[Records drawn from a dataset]
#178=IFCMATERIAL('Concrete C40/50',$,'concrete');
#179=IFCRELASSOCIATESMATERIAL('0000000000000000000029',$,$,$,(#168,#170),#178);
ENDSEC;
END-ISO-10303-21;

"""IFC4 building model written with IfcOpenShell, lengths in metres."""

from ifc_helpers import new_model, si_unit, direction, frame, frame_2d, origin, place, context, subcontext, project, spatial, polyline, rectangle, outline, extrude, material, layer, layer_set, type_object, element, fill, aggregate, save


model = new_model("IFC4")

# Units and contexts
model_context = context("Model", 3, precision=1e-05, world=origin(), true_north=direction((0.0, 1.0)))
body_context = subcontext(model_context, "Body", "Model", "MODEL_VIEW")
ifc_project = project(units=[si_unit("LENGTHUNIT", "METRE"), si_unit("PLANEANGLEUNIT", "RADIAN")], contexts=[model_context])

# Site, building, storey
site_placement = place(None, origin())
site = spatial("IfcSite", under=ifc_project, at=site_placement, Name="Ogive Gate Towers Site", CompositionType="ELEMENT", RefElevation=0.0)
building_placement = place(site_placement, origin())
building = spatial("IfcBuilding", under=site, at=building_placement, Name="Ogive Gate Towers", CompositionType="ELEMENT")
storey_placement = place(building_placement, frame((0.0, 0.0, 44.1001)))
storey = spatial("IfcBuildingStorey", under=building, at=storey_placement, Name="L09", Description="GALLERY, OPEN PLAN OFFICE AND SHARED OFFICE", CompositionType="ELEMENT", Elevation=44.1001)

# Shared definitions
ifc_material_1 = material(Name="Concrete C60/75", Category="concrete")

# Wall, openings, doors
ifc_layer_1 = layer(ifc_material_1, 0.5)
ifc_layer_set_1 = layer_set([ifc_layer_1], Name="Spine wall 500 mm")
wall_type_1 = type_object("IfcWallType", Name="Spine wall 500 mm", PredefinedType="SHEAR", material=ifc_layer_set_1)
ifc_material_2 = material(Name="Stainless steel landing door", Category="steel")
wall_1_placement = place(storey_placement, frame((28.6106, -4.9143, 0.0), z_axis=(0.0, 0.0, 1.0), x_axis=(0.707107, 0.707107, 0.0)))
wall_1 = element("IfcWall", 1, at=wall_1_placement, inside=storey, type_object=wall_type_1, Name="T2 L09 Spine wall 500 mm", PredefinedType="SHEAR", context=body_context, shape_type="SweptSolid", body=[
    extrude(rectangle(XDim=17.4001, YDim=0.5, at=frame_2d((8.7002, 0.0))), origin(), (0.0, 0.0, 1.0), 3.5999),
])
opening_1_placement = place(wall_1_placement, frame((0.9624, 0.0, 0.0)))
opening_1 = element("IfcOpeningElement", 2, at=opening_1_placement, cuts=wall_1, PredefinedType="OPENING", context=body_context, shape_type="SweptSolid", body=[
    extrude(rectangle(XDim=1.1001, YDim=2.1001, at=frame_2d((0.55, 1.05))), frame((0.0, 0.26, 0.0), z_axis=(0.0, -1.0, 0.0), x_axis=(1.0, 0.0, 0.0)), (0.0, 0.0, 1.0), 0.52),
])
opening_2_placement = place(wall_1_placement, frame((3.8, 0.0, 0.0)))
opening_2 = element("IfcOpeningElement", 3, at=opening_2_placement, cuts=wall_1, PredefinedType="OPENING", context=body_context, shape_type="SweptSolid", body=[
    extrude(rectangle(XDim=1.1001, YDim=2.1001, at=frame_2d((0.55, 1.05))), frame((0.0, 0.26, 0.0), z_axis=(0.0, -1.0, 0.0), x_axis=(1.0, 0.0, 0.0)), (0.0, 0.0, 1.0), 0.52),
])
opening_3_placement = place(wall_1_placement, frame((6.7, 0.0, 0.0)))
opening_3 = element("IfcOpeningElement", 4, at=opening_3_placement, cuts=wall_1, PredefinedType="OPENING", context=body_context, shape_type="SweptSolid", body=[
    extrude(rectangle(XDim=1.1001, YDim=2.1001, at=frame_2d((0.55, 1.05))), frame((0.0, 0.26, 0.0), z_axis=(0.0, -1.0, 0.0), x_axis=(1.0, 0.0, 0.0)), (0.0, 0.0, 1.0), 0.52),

:: Task objective ::
All lines in the records that contain "cuts" are to be copied and returned.

:: Answer to this exercise ::
opening_1 = element("IfcOpeningElement", 2, at=opening_1_placement, cuts=wall_1, PredefinedType="OPENING", context=body_context, shape_type="SweptSolid", body=[
opening_2 = element("IfcOpeningElement", 3, at=opening_2_placement, cuts=wall_1, PredefinedType="OPENING", context=body_context, shape_type="SweptSolid", body=[
opening_3 = element("IfcOpeningElement", 4, at=opening_3_placement, cuts=wall_1, PredefinedType="OPENING", context=body_context, shape_type="SweptSolid", body=[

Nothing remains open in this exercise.